◆ **Listed records**:
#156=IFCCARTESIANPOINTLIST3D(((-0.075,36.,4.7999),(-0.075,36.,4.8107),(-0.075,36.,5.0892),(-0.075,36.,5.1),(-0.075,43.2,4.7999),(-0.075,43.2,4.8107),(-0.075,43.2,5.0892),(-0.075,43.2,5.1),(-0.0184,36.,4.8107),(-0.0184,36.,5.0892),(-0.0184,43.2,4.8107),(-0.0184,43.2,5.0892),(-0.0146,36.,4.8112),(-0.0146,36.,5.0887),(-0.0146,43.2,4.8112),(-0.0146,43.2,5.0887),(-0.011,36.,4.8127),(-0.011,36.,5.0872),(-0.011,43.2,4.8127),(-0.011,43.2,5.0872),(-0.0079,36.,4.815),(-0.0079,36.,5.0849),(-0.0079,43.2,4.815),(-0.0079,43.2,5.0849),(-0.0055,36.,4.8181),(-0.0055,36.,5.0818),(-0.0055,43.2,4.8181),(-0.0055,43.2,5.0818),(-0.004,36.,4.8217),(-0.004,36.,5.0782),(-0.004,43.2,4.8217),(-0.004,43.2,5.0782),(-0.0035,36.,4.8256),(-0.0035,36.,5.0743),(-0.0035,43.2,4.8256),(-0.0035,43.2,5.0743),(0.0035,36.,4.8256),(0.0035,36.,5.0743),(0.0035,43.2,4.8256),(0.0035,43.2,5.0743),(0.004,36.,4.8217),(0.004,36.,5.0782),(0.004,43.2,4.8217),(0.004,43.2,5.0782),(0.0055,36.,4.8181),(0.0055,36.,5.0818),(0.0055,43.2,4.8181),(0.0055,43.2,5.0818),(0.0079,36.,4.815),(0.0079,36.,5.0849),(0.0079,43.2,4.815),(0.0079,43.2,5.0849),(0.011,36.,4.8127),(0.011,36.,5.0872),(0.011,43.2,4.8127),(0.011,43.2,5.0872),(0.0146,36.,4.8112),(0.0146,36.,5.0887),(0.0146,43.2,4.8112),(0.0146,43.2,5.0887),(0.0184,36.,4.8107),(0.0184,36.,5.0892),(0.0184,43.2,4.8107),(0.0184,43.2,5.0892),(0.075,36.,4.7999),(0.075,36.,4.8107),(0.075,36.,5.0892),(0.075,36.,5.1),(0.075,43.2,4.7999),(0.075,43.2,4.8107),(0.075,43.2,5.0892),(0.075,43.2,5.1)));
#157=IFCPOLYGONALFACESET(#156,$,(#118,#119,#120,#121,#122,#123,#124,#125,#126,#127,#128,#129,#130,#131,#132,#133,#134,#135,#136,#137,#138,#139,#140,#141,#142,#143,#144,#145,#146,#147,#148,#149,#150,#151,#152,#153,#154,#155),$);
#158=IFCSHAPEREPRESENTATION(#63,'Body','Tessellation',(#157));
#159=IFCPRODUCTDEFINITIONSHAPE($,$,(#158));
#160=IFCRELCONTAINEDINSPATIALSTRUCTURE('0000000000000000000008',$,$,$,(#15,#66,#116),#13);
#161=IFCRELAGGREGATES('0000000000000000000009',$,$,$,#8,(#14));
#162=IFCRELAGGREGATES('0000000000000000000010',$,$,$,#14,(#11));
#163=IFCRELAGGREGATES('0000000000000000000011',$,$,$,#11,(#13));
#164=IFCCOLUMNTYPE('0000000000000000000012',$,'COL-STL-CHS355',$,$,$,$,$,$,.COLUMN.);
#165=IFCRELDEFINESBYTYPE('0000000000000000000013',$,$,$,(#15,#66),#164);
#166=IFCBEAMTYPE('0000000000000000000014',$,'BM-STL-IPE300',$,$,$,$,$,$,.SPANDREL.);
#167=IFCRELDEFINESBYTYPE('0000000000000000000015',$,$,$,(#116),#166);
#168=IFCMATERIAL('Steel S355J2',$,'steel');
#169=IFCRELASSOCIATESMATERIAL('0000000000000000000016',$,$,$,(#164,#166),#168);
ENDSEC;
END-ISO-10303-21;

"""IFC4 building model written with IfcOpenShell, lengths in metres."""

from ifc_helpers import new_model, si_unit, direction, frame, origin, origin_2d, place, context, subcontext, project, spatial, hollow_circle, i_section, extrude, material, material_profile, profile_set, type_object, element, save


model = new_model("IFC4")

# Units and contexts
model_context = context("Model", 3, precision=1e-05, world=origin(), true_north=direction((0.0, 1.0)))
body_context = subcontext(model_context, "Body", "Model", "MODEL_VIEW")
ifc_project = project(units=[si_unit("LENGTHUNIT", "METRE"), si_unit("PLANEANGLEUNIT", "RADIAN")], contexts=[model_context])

◆ **Activity**: Restate word for word the entries above from the line with "#163=IFCRELAGGREGATES('0000000000000000000011',$,$,$,#11,(#13));" through the line with "#168=IFCMATERIAL('Steel S355J2',$,'steel');", inclusive, leaving out everything else.

◆ **Task solution**:
#163=IFCRELAGGREGATES('0000000000000000000011',$,$,$,#11,(#13));
#164=IFCCOLUMNTYPE('0000000000000000000012',$,'COL-STL-CHS355',$,$,$,$,$,$,.COLUMN.);
#165=IFCRELDEFINESBYTYPE('0000000000000000000013',$,$,$,(#15,#66),#164);
#166=IFCBEAMTYPE('0000000000000000000014',$,'BM-STL-IPE300',$,$,$,$,$,$,.SPANDREL.);
#167=IFCRELDEFINESBYTYPE('0000000000000000000015',$,$,$,(#116),#166);
#168=IFCMATERIAL('Steel S355J2',$,'steel');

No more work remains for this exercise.